**Saved data entries**
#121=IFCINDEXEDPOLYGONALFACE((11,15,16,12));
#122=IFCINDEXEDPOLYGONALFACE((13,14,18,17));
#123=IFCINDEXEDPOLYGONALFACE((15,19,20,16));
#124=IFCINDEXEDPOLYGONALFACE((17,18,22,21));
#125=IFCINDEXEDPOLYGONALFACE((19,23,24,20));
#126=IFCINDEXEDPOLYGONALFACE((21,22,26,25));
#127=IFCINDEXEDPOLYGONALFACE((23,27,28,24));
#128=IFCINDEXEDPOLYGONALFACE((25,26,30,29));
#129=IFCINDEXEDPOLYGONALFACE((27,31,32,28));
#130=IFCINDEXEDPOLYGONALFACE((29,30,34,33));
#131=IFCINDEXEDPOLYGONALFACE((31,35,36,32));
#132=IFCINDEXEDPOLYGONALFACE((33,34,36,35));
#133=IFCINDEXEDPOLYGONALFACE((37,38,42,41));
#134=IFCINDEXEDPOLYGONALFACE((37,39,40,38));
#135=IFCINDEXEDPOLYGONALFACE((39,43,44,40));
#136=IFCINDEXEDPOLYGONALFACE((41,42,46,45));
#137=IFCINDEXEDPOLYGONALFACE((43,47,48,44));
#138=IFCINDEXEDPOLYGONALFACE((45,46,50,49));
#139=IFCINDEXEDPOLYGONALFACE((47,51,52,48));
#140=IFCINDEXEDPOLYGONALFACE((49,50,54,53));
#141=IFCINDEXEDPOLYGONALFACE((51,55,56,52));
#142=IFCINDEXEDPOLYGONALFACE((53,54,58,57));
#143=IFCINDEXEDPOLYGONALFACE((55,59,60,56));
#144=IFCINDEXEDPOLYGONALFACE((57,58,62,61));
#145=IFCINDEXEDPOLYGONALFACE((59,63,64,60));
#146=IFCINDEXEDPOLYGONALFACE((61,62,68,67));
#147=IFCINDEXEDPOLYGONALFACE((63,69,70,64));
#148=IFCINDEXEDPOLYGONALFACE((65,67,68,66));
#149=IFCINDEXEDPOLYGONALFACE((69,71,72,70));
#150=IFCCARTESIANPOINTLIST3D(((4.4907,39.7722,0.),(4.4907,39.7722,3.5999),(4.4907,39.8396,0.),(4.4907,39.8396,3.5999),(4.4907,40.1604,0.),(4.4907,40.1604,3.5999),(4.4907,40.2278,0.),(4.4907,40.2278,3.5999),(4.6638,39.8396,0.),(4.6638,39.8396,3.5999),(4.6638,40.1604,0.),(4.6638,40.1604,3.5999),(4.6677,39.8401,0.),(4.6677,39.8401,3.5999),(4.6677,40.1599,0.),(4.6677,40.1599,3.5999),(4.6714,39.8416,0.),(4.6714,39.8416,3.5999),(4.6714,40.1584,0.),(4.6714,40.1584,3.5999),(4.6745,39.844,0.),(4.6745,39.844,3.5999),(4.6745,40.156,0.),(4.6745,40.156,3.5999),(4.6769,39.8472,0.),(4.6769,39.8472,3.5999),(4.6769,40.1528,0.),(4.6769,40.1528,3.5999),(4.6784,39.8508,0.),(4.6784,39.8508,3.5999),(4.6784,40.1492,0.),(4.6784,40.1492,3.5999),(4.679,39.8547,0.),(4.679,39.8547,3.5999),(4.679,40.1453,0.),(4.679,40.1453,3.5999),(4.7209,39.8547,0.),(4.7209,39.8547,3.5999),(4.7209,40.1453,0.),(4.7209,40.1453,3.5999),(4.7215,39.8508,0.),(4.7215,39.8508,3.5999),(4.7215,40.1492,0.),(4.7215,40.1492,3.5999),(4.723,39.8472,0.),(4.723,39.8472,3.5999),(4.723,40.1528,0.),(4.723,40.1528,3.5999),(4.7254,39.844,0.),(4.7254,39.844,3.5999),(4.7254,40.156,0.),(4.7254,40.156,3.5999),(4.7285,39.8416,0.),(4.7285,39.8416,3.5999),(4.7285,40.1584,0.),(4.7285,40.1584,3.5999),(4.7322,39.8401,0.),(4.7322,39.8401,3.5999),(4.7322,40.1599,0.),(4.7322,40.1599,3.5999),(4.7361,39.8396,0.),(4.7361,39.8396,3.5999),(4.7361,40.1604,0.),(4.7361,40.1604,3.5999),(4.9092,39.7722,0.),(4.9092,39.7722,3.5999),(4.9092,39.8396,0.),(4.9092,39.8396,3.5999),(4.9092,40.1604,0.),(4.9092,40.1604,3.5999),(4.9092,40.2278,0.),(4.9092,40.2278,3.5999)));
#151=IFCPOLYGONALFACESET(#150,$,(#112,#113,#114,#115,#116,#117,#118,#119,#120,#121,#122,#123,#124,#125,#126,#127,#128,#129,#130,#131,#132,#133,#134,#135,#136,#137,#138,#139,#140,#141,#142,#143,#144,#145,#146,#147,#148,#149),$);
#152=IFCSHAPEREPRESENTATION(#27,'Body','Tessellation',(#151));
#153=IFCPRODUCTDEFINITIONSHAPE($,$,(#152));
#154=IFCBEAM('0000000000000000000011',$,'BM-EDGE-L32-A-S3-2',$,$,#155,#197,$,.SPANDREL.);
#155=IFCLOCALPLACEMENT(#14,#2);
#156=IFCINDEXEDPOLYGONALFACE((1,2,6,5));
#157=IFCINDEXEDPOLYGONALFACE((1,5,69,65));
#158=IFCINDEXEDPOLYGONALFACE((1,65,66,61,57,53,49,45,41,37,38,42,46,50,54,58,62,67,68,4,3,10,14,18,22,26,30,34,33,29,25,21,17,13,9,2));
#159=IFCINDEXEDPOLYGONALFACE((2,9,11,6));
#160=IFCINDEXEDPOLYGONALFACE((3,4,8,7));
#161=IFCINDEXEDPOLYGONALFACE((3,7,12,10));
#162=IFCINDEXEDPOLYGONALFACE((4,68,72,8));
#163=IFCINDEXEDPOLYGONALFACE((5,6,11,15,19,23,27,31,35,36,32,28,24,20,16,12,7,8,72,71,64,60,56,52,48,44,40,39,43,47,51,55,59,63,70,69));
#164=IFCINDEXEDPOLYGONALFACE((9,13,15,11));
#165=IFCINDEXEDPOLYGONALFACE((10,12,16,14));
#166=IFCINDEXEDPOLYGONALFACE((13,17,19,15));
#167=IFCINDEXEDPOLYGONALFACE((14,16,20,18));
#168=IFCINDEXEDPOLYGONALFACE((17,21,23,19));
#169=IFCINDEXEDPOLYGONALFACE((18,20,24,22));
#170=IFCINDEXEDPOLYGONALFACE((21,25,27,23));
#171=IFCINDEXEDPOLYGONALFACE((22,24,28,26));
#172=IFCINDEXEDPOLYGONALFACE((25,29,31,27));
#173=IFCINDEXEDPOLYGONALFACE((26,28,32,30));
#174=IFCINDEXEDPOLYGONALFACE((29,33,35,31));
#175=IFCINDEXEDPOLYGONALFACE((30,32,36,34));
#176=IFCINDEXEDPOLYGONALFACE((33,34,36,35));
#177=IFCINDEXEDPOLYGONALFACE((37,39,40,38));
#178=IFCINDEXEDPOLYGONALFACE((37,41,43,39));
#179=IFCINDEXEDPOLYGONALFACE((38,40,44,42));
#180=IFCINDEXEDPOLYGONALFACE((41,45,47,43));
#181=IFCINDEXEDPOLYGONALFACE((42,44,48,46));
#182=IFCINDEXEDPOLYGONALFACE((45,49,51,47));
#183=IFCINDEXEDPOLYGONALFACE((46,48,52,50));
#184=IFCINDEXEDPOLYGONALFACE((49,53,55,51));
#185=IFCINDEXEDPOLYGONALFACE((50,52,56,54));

**ACTIVITY**
Scan the entries above for the line containing "#157=IFCINDEXEDPOLYGONALFACE((1,5,69,65));", and copy it and all lines after it exactly, down to and including the line containing "#165=IFCINDEXEDPOLYGONALFACE((10,12,16,14));".

**WRITTEN ANSWER**
#157=IFCINDEXEDPOLYGONALFACE((1,5,69,65));
#158=IFCINDEXEDPOLYGONALFACE((1,65,66,61,57,53,49,45,41,37,38,42,46,50,54,58,62,67,68,4,3,10,14,18,22,26,30,34,33,29,25,21,17,13,9,2));
#159=IFCINDEXEDPOLYGONALFACE((2,9,11,6));
#160=IFCINDEXEDPOLYGONALFACE((3,4,8,7));
#161=IFCINDEXEDPOLYGONALFACE((3,7,12,10));
#162=IFCINDEXEDPOLYGONALFACE((4,68,72,8));
#163=IFCINDEXEDPOLYGONALFACE((5,6,11,15,19,23,27,31,35,36,32,28,24,20,16,12,7,8,72,71,64,60,56,52,48,44,40,39,43,47,51,55,59,63,70,69));
#164=IFCINDEXEDPOLYGONALFACE((9,13,15,11));
#165=IFCINDEXEDPOLYGONALFACE((10,12,16,14));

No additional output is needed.